(Saved data entries)
---

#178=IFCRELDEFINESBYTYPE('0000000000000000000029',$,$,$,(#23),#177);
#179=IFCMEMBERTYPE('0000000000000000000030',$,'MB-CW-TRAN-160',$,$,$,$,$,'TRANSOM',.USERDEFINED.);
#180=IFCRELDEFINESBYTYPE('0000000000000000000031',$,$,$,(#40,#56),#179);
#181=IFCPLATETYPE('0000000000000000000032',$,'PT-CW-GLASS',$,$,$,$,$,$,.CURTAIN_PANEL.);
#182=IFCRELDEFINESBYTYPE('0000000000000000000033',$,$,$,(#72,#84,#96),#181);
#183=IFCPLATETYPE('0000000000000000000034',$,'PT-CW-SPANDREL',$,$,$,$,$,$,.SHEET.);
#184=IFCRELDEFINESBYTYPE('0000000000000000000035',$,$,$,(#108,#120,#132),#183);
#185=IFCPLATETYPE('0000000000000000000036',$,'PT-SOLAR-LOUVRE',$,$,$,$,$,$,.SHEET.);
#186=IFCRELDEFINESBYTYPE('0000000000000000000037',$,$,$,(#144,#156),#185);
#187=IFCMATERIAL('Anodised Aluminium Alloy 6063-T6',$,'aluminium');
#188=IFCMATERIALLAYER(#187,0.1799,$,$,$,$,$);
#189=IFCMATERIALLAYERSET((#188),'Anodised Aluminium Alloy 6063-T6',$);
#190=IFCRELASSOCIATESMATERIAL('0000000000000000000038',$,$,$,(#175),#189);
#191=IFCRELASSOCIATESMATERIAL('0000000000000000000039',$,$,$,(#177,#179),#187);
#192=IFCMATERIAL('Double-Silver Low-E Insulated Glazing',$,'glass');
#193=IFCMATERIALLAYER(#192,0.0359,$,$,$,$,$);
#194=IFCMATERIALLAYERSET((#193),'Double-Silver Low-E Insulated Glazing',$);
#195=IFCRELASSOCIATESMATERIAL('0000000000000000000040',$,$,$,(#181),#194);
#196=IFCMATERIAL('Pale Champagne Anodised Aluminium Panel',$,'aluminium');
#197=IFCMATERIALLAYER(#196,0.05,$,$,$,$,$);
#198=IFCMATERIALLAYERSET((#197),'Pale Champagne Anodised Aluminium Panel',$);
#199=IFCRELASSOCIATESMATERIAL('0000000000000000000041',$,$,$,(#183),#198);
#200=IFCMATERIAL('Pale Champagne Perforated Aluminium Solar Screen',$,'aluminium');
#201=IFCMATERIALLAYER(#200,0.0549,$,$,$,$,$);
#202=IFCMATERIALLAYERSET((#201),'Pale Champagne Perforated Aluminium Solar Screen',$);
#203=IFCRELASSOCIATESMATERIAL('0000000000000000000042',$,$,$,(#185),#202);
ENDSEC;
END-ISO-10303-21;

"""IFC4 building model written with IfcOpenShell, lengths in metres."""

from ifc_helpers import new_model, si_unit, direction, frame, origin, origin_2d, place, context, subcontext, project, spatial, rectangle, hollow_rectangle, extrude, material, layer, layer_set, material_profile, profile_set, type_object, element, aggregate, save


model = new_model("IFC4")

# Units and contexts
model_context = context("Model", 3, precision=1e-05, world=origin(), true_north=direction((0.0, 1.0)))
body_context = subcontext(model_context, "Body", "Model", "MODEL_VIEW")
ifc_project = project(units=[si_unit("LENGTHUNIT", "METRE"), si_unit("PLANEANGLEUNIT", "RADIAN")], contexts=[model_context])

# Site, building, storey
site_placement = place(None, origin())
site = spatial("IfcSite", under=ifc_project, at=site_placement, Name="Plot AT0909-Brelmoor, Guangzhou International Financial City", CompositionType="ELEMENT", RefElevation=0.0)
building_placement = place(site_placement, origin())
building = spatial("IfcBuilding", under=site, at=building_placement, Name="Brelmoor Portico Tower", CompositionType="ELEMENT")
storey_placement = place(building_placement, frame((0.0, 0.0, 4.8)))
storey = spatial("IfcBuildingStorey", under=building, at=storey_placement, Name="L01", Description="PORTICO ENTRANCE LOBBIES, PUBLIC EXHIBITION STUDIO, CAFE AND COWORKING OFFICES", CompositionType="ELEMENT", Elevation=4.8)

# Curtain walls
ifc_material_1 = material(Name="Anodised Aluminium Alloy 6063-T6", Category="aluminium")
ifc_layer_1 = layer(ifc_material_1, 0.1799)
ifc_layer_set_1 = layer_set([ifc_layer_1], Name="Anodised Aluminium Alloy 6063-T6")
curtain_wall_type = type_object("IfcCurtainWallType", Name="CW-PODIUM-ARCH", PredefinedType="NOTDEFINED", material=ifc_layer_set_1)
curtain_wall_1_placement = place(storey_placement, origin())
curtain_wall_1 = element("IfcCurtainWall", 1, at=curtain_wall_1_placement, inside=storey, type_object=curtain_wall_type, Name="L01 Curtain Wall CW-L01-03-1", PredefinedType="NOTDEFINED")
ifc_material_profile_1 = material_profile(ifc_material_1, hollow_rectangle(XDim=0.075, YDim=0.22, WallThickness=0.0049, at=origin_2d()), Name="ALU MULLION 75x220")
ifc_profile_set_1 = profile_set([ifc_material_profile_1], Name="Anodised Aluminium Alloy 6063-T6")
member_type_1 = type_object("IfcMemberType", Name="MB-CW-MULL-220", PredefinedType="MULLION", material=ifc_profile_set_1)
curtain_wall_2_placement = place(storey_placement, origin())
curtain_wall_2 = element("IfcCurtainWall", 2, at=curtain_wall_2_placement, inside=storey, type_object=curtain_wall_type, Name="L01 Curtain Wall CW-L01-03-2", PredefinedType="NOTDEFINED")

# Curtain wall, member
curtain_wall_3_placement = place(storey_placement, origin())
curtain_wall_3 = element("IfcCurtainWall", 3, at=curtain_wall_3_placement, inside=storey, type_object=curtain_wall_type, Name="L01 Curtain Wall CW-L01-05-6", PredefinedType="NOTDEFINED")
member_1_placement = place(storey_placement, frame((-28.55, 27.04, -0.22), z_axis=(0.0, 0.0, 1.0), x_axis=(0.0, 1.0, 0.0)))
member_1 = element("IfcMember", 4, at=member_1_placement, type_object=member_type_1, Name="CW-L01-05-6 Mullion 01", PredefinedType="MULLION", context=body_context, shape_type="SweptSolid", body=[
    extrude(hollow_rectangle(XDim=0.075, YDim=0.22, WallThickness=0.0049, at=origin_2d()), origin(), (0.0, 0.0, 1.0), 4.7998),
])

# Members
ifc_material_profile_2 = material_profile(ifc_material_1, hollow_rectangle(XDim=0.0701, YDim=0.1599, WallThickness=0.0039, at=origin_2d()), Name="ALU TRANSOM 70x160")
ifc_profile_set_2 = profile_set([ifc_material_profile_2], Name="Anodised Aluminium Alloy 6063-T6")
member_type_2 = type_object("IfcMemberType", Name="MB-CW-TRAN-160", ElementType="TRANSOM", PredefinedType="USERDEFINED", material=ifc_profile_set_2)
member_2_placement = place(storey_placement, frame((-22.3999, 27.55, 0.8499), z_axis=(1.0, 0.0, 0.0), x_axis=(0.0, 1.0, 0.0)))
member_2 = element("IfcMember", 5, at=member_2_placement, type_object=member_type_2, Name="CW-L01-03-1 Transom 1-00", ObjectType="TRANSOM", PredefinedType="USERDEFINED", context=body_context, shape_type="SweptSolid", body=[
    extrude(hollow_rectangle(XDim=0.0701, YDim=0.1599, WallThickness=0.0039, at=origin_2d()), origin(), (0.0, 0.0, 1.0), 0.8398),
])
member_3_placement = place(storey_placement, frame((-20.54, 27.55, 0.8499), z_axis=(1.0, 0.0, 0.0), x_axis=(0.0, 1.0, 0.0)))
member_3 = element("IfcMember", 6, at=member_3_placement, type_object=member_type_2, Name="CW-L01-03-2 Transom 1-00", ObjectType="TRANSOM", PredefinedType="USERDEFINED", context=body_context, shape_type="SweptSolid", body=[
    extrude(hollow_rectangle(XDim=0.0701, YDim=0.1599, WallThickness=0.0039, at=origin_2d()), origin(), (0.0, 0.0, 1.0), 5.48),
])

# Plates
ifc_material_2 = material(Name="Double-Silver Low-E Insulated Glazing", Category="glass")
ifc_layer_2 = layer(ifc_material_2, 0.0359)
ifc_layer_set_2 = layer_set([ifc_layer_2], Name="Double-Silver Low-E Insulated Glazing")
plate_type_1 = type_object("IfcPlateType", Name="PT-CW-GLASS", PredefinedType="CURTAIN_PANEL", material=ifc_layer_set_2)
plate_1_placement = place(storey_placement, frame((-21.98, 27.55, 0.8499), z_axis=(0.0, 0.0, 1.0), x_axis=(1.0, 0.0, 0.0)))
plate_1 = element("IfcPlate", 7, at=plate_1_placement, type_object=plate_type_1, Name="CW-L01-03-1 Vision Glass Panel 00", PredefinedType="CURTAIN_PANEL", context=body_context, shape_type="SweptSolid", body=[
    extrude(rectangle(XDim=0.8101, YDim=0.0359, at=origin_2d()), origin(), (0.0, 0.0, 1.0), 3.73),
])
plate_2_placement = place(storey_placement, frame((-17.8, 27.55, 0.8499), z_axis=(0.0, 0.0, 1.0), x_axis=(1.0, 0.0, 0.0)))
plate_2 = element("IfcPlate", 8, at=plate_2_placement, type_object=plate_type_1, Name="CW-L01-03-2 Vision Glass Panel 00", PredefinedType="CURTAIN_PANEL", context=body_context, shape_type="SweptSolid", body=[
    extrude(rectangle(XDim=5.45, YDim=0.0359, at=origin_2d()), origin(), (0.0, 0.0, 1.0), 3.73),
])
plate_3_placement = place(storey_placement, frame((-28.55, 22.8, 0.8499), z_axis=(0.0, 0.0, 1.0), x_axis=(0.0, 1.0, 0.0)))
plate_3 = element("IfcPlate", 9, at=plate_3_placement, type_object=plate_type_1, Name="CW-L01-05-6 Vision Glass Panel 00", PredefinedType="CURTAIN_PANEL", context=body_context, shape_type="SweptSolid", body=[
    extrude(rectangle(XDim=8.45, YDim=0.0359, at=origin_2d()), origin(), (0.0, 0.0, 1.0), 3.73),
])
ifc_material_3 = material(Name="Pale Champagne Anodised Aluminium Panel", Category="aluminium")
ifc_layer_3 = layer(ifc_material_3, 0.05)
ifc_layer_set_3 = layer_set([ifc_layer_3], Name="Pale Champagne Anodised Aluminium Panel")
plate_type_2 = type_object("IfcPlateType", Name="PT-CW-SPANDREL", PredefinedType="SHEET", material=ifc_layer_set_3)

---

* [TASK] Search the records above for the word "subcontext", then say how many lines contain it. Give the number alone.

* [ANSWER SECTION] 2